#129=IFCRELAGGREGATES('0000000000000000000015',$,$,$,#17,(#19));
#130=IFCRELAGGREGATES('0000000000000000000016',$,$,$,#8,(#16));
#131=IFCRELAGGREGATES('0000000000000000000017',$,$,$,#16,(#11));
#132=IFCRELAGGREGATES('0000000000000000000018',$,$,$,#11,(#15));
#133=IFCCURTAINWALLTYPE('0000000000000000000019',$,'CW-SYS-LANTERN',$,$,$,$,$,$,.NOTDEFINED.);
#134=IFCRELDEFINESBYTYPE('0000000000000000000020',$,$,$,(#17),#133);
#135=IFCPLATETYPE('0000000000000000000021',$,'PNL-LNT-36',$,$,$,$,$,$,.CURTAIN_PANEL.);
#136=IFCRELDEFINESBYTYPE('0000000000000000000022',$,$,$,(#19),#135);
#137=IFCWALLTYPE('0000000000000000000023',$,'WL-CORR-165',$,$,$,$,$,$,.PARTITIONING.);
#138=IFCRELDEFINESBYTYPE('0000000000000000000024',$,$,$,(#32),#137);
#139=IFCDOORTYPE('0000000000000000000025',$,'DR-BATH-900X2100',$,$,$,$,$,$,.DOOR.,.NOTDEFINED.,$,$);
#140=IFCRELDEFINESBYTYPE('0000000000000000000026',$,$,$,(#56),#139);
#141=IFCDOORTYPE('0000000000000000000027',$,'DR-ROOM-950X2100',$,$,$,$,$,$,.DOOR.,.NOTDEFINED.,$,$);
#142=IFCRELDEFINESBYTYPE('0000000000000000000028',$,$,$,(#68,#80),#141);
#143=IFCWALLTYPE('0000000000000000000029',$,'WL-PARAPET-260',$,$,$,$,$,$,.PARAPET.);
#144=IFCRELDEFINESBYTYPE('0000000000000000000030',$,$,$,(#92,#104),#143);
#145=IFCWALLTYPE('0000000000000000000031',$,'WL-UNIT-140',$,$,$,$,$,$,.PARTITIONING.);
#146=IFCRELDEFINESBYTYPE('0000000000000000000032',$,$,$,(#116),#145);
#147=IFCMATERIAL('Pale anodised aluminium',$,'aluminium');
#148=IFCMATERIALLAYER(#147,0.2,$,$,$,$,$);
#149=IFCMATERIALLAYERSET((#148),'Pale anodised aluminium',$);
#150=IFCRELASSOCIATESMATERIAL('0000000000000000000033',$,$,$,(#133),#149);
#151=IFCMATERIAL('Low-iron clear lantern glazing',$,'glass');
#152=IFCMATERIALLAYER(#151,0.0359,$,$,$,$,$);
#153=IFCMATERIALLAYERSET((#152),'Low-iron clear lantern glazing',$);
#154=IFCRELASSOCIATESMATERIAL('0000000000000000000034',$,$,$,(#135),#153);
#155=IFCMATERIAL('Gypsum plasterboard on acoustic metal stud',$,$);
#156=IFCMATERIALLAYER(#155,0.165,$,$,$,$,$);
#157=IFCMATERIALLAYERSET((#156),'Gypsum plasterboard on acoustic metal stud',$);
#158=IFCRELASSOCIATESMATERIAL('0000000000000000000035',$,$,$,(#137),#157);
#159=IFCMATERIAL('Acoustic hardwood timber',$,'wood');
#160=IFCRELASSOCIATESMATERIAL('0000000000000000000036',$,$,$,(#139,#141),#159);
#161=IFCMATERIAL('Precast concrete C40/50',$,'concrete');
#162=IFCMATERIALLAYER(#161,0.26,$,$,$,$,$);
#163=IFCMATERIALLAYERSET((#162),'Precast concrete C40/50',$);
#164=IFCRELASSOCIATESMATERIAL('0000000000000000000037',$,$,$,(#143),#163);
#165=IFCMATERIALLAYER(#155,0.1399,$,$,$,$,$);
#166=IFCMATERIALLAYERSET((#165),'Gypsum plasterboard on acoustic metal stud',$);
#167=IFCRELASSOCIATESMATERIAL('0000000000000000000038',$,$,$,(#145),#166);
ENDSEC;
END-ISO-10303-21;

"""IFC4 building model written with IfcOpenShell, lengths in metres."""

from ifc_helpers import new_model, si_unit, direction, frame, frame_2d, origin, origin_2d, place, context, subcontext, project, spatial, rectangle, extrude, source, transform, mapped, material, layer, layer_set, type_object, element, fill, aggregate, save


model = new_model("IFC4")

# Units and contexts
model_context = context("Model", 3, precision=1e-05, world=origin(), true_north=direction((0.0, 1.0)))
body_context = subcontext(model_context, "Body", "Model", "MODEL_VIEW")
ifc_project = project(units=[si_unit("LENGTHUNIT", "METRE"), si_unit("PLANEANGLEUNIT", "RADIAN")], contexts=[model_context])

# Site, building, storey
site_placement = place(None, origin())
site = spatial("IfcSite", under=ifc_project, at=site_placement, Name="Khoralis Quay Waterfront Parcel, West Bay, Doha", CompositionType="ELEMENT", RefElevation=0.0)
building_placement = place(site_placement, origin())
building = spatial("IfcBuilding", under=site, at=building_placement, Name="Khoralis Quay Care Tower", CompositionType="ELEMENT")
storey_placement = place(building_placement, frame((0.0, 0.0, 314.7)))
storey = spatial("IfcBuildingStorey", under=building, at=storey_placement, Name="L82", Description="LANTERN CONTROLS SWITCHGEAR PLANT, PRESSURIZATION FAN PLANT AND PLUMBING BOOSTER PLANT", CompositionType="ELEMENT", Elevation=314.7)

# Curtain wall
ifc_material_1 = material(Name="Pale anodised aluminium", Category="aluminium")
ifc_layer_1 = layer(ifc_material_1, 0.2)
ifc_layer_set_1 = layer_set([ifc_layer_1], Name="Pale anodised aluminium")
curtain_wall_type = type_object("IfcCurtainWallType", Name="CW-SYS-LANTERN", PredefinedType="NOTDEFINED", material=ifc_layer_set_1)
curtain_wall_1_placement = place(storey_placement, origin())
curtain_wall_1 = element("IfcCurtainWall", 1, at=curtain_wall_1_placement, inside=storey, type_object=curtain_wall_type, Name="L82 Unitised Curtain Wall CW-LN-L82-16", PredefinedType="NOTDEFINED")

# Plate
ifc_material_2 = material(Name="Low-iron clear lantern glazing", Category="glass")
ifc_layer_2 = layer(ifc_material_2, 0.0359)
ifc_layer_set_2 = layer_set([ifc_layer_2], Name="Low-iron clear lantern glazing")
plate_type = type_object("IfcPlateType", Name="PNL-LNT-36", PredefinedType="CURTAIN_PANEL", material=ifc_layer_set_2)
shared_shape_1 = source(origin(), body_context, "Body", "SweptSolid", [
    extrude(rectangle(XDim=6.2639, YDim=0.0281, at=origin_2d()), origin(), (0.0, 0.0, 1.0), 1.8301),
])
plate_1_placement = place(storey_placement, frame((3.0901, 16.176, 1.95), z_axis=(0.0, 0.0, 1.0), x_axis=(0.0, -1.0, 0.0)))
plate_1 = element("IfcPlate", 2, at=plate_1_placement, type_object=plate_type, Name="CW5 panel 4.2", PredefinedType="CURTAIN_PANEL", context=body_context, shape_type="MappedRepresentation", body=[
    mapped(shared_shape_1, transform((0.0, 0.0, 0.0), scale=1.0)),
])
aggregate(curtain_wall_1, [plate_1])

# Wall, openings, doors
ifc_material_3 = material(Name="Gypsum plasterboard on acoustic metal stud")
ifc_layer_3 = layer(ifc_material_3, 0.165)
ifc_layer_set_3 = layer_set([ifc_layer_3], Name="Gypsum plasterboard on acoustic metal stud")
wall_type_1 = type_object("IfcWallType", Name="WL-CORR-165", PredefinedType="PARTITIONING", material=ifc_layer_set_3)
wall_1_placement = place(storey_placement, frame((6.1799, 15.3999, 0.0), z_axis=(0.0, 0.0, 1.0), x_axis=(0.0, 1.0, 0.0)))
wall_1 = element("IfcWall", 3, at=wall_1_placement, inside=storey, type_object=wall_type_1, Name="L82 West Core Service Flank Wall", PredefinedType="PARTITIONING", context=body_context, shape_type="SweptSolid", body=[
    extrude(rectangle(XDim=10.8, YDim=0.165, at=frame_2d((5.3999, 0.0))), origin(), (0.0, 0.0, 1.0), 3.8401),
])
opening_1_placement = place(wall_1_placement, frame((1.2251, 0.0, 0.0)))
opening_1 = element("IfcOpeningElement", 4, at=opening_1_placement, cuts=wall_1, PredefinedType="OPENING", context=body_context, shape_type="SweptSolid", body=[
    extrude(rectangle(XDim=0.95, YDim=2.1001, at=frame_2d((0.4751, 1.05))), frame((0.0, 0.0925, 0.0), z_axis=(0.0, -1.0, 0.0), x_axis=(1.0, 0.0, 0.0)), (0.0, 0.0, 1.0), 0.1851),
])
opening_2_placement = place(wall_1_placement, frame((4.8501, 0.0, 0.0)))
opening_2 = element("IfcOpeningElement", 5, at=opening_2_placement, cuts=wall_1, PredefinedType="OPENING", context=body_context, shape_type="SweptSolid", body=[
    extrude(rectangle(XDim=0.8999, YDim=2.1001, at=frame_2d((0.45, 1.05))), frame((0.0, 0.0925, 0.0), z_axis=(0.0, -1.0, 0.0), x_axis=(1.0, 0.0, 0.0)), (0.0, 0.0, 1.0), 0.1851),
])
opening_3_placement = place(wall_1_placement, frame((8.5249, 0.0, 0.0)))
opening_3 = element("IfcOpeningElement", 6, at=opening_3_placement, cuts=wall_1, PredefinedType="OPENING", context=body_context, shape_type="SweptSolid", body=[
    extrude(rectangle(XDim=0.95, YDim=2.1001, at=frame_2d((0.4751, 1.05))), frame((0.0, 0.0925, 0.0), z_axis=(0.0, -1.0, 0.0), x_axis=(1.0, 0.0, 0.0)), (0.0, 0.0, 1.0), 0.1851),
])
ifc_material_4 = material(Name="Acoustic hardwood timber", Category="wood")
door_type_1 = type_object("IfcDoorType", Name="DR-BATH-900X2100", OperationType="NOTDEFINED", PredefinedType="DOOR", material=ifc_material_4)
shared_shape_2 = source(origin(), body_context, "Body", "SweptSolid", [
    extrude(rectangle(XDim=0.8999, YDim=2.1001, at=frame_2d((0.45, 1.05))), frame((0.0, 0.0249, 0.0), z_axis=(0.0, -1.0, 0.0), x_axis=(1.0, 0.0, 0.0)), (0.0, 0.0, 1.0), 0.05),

## Exercise aim:
How many of the lines above contain "aluminium"? Give the number by itself.

## Output for this exercise:
4